§ DESCRIPTION OF THE TASK:
Somewhere below is a line with "#216=IFCMATERIAL('Aluminium 6063-T6 pale" and, later, a line with "building model written"; repeat those two lines and all the lines between them, exactly as they are.

§ GIVEN RECORDS:
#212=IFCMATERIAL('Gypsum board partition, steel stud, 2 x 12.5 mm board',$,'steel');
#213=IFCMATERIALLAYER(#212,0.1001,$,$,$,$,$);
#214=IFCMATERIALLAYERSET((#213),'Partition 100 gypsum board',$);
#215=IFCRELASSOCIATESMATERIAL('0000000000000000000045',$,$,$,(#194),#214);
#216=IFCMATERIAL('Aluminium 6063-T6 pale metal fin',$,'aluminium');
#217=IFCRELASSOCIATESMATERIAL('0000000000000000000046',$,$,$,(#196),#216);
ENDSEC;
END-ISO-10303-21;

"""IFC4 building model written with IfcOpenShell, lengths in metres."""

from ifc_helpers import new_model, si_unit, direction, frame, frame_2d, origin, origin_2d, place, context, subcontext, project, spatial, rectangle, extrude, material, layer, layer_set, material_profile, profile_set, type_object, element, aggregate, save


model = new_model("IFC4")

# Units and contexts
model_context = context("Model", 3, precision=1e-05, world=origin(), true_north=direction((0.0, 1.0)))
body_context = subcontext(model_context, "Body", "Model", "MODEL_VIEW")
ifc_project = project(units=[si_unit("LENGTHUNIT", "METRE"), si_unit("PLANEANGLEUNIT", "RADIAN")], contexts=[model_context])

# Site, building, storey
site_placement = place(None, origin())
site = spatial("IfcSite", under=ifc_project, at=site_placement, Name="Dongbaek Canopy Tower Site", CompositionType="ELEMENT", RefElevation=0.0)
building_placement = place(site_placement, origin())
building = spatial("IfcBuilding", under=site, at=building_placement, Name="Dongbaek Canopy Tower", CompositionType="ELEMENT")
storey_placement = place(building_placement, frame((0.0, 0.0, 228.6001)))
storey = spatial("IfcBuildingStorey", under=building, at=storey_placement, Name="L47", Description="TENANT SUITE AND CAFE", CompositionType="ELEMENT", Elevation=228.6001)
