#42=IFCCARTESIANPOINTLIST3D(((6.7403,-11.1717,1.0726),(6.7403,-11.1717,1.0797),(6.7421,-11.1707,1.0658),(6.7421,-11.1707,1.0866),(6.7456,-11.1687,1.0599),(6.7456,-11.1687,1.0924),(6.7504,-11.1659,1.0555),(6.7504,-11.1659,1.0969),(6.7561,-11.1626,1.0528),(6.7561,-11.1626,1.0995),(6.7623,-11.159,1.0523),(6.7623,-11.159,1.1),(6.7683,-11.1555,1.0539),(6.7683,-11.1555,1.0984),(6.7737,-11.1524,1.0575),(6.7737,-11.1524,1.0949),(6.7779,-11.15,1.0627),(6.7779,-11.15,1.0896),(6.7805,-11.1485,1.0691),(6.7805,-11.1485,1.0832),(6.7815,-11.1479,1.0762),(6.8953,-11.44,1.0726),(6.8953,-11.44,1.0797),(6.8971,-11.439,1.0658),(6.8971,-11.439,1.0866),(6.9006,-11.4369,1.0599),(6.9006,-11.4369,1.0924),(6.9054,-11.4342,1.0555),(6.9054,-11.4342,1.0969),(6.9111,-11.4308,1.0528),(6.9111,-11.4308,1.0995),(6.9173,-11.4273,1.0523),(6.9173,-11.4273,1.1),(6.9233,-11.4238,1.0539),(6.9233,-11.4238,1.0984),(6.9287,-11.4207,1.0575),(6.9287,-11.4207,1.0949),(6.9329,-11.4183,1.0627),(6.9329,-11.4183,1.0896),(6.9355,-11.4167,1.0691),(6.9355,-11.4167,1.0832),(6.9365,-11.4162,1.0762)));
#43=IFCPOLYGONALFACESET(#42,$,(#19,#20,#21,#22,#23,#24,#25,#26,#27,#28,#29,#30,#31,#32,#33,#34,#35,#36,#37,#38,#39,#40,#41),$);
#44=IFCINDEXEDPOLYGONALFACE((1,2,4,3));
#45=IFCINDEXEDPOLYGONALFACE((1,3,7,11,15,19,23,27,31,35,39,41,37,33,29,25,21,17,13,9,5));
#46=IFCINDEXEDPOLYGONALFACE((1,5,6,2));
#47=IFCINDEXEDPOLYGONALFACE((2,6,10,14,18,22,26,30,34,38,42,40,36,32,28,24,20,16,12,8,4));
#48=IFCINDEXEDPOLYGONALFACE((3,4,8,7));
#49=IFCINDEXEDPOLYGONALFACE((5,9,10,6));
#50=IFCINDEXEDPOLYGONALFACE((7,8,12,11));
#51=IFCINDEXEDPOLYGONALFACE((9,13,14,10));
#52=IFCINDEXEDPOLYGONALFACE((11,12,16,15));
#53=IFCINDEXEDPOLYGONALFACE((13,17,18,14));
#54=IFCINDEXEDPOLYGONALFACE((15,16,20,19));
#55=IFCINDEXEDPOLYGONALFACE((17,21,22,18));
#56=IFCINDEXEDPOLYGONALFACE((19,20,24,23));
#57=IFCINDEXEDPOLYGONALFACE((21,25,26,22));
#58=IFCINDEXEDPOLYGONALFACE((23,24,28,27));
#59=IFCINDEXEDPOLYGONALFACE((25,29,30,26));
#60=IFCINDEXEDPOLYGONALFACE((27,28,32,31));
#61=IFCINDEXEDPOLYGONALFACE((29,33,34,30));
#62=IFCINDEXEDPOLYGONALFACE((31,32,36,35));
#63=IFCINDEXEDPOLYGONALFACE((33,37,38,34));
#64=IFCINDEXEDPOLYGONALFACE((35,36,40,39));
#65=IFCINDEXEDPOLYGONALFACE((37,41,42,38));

§ REPLY:
#216=IFCMATERIAL('Aluminium 6063-T6 pale metal fin',$,'aluminium');
#217=IFCRELASSOCIATESMATERIAL('0000000000000000000046',$,$,$,(#196),#216);
ENDSEC;
END-ISO-10303-21;

"""IFC4 building model written with IfcOpenShell, lengths in metres."""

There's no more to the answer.